- _Task_
For the word "rated", return each line of the data in which it occurs.

- _Material supplied_
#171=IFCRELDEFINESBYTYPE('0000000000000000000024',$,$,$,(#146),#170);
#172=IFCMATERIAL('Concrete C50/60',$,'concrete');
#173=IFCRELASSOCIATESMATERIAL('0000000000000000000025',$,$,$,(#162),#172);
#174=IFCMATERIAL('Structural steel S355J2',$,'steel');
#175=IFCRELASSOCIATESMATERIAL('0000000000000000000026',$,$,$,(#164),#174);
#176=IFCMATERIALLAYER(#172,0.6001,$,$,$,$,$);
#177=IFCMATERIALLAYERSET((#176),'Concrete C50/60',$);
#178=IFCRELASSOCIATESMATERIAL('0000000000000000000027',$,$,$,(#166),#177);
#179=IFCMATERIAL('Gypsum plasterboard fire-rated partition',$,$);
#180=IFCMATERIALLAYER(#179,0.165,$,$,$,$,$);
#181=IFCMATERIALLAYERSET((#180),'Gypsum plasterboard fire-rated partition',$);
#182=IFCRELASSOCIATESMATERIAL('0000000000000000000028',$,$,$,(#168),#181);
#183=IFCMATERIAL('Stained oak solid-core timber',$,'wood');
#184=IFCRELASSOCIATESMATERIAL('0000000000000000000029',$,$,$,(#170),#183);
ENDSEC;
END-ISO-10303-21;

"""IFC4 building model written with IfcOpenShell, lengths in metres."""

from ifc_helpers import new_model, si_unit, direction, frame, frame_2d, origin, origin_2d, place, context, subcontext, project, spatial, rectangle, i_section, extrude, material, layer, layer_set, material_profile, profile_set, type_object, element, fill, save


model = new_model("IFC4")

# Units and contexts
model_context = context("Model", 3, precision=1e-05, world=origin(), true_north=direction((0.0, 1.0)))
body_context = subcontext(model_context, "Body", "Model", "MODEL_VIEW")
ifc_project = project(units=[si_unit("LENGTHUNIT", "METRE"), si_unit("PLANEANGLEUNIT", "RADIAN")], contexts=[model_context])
---
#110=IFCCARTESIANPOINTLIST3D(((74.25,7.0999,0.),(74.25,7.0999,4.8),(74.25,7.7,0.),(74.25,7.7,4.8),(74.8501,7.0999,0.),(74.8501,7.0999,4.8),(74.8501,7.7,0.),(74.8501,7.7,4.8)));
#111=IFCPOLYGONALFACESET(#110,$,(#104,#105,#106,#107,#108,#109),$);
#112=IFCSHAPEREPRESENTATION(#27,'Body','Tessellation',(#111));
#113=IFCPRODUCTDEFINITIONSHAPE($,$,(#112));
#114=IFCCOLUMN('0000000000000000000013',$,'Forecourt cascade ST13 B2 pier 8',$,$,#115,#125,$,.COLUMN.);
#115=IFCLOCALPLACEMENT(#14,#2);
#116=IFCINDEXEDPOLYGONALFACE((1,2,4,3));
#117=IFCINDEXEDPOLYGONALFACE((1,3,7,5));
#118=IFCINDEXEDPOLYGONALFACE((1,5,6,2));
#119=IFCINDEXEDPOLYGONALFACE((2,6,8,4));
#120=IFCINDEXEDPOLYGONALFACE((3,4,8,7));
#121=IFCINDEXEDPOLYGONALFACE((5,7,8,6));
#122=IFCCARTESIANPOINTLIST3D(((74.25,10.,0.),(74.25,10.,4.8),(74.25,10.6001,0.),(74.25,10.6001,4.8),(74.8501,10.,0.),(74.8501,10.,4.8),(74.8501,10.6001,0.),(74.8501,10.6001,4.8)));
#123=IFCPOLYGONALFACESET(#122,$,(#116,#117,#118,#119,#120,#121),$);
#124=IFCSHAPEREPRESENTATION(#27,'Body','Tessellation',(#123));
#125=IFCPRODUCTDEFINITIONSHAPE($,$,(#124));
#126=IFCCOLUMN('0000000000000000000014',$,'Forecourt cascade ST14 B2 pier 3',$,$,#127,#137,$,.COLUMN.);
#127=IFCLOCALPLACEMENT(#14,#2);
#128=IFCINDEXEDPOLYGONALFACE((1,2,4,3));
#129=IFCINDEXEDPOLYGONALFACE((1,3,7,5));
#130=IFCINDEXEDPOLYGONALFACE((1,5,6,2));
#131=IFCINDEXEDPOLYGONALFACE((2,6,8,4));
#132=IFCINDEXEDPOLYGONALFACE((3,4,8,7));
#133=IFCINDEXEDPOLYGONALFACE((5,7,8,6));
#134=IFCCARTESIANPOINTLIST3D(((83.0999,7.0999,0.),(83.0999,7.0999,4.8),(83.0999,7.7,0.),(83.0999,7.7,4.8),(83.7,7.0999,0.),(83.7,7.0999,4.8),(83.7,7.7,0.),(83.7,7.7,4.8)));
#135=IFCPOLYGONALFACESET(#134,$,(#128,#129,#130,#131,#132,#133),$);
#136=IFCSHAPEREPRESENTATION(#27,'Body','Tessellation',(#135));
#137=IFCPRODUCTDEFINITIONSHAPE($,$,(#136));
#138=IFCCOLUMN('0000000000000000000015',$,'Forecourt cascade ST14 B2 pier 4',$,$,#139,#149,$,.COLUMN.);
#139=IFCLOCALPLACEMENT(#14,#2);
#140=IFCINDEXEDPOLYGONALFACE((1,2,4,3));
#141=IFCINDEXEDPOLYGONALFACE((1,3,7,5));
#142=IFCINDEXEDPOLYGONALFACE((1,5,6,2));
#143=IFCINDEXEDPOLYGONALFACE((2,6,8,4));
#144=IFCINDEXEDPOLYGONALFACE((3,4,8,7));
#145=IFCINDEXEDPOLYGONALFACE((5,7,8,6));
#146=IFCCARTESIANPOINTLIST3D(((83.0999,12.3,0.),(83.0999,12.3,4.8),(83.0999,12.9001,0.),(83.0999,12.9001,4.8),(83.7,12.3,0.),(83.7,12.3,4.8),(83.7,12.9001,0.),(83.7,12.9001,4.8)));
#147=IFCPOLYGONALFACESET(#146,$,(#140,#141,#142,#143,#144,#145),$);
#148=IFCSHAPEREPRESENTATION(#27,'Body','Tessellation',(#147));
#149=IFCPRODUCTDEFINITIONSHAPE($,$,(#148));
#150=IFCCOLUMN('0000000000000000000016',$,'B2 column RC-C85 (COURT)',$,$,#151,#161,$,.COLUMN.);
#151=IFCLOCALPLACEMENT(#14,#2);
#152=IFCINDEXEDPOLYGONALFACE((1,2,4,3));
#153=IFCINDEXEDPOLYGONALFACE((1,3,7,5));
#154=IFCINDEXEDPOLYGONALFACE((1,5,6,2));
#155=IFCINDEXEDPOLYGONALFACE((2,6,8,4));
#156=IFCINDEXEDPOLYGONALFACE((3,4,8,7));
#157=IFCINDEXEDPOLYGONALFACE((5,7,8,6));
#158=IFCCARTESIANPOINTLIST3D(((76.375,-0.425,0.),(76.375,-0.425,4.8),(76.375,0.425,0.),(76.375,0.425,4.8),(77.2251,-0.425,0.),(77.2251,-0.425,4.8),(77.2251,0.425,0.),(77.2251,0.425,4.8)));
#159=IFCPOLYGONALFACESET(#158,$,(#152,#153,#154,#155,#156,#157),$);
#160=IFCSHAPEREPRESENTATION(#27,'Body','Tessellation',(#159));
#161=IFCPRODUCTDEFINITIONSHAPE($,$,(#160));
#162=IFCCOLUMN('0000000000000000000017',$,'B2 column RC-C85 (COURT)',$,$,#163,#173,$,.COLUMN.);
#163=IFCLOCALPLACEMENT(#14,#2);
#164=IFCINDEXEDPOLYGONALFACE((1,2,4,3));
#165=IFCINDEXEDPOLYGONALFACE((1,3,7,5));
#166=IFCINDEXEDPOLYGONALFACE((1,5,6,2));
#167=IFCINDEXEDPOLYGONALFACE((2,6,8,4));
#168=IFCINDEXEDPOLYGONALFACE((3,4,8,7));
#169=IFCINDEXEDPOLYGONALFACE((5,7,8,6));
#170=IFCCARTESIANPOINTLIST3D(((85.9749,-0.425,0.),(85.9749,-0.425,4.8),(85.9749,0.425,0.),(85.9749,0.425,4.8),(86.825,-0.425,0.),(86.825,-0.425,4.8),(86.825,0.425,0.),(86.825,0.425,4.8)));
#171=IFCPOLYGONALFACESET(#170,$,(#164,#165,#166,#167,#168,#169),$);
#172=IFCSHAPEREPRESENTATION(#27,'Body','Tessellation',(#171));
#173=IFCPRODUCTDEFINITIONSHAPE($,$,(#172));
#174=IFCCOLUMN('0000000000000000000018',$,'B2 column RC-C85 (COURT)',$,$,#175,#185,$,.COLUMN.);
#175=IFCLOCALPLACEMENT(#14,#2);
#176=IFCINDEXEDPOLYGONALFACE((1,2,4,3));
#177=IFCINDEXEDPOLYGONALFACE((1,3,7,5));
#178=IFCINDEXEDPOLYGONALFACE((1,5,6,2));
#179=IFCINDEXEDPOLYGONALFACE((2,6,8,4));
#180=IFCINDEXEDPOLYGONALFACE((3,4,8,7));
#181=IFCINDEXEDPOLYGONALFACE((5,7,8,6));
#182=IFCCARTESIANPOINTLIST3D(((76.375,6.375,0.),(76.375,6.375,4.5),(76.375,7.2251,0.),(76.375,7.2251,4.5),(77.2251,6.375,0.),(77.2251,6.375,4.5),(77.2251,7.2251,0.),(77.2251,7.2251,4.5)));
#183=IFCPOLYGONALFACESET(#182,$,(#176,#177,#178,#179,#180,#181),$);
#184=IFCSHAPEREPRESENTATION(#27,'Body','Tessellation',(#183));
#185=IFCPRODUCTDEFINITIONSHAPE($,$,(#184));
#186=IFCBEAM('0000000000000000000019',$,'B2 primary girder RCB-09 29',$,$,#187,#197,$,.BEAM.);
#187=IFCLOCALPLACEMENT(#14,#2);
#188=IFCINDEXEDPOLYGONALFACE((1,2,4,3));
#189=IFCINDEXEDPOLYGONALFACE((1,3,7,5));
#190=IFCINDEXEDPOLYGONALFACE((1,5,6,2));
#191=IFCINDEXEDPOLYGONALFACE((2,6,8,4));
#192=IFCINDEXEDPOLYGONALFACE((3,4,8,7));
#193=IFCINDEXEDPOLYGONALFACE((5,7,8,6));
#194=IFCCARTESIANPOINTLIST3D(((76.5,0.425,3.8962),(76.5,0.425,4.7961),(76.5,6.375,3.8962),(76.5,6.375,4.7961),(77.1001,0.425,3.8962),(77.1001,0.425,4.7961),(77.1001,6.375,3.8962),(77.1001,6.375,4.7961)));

- _Task response_
#179=IFCMATERIAL('Gypsum plasterboard fire-rated partition',$,$);
#181=IFCMATERIALLAYERSET((#180),'Gypsum plasterboard fire-rated partition',$);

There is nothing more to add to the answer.